=== Information supplied ===
◆ ◆ ◆ ◆ ◆

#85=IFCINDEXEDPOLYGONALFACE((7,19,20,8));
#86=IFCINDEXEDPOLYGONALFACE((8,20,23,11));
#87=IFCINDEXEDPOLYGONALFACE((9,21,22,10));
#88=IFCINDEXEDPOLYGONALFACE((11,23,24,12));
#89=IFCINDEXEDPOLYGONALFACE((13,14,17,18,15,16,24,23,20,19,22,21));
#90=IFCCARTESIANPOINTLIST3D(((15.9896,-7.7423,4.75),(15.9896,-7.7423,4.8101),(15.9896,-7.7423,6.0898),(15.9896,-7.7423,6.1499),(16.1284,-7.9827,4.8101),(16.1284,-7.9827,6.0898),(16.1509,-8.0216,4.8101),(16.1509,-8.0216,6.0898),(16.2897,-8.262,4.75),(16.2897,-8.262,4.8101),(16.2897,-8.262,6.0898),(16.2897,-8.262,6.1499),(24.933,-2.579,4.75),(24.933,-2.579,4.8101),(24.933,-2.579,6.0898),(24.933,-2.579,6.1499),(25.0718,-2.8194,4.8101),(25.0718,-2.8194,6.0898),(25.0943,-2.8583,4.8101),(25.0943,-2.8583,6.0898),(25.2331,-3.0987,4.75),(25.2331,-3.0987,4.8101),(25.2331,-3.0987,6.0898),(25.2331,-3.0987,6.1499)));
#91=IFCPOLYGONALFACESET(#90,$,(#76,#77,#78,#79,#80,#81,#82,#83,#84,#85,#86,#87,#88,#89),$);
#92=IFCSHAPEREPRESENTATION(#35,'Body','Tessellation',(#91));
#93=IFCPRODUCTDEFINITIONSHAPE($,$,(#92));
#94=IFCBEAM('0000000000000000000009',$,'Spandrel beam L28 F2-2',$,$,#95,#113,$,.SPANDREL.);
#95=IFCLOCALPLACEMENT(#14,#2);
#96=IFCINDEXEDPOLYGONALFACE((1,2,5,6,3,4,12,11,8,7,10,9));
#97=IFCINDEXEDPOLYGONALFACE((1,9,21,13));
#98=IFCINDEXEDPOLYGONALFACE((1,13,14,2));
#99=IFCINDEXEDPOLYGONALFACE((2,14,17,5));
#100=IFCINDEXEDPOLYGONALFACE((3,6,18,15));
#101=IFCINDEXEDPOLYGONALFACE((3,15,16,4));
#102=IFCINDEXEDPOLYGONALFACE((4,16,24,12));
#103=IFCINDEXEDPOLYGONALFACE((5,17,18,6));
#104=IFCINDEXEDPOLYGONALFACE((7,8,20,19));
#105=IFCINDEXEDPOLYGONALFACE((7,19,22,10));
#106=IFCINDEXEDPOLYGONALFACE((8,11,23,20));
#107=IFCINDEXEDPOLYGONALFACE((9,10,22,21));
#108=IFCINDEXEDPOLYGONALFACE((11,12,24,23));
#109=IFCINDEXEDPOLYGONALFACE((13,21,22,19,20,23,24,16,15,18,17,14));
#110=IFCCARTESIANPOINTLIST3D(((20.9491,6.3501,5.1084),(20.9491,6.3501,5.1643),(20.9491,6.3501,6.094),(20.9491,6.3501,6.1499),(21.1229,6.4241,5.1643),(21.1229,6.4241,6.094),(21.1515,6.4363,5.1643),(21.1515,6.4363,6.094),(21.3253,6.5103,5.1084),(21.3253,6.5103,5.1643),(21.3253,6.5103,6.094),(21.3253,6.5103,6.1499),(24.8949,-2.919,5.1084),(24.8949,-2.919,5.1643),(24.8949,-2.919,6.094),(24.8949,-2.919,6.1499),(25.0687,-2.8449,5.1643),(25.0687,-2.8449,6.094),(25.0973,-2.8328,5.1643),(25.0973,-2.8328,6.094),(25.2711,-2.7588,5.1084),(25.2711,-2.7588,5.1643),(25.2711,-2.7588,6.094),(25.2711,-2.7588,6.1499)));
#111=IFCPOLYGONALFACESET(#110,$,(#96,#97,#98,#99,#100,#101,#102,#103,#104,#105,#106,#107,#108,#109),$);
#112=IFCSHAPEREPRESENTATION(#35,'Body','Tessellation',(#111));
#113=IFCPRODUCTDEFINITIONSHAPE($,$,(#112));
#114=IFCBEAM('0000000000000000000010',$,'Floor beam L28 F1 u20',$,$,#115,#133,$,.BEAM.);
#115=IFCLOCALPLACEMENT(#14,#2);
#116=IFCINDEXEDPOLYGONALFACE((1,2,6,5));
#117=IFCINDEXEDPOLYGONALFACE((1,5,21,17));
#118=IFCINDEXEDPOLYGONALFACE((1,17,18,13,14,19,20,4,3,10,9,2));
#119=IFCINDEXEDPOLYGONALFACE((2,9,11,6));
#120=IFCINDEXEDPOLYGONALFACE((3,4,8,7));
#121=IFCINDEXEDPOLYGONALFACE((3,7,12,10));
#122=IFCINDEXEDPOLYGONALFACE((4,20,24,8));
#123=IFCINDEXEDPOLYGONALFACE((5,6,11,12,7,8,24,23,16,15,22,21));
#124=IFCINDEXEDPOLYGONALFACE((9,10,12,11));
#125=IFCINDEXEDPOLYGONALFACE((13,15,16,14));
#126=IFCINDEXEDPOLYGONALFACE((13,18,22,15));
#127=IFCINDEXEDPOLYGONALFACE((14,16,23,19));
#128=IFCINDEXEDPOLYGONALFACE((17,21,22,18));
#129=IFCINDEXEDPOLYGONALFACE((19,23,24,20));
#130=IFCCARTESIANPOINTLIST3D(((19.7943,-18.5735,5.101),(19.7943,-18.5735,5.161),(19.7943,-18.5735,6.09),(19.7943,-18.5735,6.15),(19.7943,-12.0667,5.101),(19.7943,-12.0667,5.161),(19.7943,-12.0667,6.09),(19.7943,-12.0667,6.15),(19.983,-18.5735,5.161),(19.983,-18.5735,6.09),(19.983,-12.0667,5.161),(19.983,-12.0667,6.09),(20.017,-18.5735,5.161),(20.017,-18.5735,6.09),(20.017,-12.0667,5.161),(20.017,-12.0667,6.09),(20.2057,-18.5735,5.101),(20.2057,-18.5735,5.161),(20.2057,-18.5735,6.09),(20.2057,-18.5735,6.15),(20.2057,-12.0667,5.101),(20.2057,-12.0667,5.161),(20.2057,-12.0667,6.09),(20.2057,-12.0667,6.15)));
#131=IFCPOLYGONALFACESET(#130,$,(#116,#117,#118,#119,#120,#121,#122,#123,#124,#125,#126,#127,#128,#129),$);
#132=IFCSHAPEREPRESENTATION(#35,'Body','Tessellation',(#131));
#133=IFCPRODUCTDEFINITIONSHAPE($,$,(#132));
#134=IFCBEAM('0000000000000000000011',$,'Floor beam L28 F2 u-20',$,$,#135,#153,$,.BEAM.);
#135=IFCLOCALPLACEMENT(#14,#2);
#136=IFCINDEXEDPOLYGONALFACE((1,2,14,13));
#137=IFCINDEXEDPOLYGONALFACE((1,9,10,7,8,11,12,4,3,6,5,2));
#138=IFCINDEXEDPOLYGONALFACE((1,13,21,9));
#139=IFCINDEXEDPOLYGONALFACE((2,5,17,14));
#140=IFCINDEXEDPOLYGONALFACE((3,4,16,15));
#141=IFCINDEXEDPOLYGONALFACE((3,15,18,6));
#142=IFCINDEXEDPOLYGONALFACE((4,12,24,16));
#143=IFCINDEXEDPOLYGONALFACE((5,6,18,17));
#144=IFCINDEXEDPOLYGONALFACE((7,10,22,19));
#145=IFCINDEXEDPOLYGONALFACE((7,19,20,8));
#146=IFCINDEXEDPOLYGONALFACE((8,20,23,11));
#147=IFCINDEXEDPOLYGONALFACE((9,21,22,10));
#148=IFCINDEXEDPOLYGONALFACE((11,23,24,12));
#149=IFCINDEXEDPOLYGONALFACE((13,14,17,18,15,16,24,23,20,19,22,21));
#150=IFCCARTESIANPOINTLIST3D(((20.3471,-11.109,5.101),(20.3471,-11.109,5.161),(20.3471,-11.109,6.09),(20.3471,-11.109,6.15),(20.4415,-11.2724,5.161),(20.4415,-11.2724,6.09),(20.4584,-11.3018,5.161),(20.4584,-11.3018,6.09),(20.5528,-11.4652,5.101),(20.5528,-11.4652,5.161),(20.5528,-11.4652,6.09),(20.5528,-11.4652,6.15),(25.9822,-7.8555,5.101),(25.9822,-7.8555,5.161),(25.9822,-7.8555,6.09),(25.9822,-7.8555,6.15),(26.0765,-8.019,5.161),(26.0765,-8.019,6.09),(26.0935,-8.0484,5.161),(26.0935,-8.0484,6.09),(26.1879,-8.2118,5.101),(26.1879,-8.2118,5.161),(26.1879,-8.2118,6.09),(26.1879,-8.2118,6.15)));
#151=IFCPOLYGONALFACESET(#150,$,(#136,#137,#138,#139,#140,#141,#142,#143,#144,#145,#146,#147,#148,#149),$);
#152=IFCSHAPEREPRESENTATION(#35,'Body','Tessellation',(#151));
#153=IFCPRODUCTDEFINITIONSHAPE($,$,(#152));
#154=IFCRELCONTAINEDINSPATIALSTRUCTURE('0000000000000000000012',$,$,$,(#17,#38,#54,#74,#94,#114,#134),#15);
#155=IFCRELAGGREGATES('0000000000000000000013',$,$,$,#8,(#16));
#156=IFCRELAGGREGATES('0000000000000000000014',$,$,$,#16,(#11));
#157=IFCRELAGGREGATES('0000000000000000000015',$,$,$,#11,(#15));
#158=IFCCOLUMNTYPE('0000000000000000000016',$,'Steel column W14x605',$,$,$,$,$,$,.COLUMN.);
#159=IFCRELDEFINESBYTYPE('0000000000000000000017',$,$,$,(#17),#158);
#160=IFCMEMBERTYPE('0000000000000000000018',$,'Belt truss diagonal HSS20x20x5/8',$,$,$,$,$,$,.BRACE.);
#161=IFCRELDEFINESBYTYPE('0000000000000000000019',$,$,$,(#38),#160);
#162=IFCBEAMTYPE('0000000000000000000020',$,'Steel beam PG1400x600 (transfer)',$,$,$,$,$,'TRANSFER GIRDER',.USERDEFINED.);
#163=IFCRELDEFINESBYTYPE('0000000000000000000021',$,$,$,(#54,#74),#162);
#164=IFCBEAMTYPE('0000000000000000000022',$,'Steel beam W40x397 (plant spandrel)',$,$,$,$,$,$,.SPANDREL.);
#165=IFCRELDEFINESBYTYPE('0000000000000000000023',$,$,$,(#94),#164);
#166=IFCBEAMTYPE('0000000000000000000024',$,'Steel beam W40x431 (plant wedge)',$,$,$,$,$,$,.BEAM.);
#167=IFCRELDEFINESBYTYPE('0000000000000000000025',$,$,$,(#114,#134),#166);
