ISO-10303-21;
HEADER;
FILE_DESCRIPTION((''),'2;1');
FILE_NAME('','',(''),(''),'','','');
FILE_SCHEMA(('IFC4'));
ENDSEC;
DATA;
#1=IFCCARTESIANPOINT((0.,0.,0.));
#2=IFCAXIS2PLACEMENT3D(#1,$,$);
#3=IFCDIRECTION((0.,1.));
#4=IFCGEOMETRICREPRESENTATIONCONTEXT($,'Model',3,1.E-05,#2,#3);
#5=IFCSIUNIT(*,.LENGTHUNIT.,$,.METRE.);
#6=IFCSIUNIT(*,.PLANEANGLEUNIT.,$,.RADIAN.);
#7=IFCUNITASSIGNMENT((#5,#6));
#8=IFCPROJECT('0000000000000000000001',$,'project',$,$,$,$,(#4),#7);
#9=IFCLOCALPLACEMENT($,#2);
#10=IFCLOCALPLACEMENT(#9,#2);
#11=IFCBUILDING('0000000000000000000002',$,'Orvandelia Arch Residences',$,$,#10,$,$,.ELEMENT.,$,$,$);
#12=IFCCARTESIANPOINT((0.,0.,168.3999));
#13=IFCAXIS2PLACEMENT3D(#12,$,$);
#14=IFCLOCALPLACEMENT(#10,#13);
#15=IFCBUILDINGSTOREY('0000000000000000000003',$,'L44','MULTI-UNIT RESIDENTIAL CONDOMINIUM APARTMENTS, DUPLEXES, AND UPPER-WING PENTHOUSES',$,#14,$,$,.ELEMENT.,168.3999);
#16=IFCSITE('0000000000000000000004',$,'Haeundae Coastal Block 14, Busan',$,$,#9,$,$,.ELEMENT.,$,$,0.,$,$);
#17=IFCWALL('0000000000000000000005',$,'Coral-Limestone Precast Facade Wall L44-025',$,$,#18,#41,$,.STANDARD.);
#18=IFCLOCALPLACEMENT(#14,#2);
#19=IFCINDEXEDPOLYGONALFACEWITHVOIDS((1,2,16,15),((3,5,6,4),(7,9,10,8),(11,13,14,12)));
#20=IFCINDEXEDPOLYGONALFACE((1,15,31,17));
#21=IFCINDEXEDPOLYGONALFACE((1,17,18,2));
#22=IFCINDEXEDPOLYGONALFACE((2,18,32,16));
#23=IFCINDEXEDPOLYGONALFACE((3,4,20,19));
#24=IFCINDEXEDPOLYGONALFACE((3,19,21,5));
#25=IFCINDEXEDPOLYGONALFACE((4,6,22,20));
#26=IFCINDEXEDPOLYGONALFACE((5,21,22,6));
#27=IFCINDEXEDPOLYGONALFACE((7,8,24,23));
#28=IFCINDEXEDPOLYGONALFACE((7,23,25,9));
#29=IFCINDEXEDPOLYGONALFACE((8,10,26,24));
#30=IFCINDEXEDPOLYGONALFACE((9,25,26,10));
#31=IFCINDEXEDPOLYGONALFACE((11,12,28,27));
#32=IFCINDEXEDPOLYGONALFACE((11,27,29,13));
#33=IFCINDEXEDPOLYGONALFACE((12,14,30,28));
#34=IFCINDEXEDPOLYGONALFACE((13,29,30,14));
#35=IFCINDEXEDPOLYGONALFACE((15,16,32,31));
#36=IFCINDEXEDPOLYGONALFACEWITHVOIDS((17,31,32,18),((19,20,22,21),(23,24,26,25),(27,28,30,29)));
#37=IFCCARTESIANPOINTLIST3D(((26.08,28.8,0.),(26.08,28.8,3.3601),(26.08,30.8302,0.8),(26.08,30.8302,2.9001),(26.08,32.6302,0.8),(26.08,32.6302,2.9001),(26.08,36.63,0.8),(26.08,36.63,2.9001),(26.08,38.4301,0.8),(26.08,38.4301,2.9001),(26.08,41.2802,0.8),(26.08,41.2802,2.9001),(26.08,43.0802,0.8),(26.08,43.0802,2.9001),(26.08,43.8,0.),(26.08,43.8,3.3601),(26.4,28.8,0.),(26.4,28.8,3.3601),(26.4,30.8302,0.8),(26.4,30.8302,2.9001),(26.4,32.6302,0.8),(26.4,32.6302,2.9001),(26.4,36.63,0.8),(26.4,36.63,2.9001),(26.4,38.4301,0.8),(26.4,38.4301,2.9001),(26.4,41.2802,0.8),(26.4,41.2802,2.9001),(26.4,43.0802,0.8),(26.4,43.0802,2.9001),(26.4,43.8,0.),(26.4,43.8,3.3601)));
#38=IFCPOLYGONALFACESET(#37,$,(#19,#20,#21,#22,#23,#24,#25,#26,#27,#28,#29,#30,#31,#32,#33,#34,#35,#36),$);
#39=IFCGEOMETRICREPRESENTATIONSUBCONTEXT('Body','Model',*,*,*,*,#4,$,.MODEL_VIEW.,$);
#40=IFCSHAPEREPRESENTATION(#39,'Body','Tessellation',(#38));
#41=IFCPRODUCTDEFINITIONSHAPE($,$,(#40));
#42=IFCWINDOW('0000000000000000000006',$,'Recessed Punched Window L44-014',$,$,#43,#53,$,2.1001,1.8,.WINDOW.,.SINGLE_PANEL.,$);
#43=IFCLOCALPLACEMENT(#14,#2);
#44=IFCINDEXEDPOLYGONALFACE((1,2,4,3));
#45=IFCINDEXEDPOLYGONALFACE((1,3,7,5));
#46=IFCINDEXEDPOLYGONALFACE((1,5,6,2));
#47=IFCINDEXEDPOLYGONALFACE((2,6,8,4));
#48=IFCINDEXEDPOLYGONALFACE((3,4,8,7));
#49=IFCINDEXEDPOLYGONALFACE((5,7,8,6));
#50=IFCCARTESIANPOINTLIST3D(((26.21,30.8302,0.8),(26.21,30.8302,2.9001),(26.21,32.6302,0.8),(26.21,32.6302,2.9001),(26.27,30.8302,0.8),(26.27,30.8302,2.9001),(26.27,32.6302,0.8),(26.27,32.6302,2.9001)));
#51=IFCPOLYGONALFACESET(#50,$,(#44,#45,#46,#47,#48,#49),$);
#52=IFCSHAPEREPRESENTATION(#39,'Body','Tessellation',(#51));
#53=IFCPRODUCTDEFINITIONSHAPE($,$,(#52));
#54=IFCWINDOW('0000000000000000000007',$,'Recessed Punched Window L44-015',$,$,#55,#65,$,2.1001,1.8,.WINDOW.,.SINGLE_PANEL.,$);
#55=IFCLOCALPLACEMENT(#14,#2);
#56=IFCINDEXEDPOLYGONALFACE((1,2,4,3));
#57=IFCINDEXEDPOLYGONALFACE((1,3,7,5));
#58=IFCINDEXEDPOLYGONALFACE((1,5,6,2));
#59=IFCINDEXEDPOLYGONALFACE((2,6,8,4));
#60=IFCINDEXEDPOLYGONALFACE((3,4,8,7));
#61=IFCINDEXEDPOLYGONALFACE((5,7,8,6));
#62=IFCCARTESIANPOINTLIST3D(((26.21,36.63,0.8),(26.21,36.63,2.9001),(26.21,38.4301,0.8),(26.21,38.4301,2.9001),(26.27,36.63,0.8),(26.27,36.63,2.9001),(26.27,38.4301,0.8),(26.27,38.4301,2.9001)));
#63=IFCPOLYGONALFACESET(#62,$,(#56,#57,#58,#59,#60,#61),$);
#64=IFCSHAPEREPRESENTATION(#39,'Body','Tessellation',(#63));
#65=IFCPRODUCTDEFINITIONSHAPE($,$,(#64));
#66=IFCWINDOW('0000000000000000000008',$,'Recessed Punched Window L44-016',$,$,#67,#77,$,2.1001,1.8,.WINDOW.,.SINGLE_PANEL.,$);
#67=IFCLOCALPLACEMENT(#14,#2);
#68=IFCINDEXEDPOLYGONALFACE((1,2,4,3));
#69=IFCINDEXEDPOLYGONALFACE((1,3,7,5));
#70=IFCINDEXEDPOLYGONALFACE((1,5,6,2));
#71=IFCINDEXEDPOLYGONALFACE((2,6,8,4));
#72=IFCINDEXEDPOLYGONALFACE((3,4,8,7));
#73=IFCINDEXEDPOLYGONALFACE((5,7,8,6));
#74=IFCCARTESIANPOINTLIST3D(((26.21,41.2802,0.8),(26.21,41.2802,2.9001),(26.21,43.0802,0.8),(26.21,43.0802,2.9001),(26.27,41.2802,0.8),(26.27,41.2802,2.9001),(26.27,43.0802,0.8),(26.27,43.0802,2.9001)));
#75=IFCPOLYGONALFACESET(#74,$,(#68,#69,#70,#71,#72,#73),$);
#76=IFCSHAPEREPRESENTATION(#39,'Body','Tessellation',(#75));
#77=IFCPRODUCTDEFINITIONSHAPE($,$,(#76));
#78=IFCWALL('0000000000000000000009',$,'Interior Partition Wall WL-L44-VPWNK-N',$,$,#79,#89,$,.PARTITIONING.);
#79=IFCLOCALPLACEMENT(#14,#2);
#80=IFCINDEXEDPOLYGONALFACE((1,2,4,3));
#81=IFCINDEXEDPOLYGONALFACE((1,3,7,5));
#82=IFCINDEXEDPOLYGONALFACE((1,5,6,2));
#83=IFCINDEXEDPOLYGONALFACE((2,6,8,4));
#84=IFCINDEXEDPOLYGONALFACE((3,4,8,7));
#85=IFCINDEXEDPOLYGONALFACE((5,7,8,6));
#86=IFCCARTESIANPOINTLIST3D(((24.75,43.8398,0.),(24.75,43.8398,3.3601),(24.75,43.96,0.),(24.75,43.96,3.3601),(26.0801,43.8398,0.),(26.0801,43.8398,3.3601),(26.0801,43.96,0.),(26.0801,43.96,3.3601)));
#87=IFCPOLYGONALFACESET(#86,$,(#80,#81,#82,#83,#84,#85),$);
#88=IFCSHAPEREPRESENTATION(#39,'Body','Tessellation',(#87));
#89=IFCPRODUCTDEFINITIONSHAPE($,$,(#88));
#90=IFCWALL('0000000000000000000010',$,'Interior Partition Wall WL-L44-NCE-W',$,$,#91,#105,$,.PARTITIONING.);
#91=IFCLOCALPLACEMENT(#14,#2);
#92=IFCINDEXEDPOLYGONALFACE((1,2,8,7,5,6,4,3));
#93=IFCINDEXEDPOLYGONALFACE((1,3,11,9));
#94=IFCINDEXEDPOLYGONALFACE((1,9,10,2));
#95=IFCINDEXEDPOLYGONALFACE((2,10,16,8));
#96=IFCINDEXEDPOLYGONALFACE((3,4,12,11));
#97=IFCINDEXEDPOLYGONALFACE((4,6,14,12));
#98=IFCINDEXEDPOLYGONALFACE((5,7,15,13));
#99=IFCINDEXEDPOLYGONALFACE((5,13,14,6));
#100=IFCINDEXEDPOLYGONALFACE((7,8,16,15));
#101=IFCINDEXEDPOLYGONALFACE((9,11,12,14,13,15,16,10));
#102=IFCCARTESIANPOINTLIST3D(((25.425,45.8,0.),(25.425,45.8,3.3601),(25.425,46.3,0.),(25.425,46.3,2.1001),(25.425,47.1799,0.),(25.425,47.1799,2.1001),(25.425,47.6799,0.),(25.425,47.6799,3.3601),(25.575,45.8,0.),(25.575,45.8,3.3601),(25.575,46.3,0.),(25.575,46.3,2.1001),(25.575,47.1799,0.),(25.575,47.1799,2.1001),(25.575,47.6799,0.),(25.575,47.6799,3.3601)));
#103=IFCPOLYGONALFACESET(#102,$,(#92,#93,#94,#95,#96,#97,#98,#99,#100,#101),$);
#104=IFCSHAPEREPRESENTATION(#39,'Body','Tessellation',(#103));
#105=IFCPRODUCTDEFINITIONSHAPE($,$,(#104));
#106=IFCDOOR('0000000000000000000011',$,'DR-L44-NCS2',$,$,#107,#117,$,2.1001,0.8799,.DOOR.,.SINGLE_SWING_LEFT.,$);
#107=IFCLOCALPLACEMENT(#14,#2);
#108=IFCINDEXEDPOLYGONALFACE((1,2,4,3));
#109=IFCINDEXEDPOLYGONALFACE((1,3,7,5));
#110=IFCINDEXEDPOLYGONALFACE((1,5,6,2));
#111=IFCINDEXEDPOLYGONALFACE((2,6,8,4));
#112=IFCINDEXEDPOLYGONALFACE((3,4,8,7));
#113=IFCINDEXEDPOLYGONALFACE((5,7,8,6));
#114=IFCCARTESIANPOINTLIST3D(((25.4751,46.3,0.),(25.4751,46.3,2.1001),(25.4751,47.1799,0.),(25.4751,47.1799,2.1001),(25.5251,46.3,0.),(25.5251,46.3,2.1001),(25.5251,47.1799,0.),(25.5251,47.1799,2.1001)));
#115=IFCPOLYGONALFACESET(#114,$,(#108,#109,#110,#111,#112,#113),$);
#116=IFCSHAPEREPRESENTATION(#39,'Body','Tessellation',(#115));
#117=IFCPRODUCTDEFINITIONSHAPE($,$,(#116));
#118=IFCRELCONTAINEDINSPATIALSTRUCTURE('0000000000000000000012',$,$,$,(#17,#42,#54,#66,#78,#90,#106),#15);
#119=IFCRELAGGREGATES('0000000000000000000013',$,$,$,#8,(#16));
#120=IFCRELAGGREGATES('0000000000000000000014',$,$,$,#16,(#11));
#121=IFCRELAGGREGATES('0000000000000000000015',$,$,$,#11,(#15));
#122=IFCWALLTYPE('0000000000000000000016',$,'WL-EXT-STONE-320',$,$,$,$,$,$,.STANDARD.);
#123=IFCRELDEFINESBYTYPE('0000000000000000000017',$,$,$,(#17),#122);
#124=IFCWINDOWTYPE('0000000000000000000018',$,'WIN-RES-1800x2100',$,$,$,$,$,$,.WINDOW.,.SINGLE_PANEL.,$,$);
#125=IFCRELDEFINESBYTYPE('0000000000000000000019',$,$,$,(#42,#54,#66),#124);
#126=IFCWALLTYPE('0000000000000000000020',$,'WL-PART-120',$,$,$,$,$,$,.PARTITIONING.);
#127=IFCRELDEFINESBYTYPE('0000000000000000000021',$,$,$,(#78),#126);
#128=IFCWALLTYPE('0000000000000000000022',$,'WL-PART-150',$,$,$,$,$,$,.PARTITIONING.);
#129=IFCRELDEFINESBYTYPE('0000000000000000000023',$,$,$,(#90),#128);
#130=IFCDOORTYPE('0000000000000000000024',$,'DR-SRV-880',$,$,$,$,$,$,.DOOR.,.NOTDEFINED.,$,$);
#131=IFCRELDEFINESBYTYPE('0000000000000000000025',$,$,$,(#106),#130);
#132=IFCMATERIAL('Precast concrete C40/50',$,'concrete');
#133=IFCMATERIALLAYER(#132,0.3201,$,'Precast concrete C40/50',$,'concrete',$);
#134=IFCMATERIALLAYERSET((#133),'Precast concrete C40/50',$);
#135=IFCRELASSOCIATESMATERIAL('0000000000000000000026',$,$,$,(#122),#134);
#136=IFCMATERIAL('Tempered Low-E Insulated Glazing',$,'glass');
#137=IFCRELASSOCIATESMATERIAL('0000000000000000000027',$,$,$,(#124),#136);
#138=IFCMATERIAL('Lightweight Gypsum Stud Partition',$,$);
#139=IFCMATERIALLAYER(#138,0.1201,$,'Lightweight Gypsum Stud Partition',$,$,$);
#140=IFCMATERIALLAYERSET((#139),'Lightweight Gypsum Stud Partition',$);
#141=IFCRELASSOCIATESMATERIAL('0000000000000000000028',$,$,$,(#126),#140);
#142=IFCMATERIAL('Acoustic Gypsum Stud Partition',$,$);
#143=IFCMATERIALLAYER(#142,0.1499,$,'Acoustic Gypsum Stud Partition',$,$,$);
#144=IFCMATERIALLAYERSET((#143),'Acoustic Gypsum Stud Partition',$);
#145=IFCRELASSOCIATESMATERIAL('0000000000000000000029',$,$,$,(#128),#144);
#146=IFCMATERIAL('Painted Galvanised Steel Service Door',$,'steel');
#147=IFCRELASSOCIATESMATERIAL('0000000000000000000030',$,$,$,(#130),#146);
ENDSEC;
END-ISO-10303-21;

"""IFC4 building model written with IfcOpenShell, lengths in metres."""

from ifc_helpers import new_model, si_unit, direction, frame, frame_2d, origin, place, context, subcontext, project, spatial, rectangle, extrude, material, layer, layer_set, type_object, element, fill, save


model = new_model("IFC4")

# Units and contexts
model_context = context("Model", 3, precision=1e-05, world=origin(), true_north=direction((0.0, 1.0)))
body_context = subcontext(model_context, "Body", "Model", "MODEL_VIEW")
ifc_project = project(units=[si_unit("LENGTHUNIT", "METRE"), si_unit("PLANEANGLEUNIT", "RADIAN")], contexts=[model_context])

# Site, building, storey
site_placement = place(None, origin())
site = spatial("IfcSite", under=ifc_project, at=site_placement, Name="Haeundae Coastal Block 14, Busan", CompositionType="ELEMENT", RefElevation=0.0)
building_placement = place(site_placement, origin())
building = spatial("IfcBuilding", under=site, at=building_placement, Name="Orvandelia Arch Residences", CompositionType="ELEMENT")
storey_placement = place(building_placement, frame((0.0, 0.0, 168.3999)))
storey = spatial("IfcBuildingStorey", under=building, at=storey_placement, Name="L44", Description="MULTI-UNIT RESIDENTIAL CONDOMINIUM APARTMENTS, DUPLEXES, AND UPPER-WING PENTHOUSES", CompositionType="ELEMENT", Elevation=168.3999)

◆ ◆ ◆ ◆ ◆

=== Activity ===
Your answer should consist of the lines above that hold the word "IFCSIUNIT".

=== Task result ===
#5=IFCSIUNIT(*,.LENGTHUNIT.,$,.METRE.);
#6=IFCSIUNIT(*,.PLANEANGLEUNIT.,$,.RADIAN.);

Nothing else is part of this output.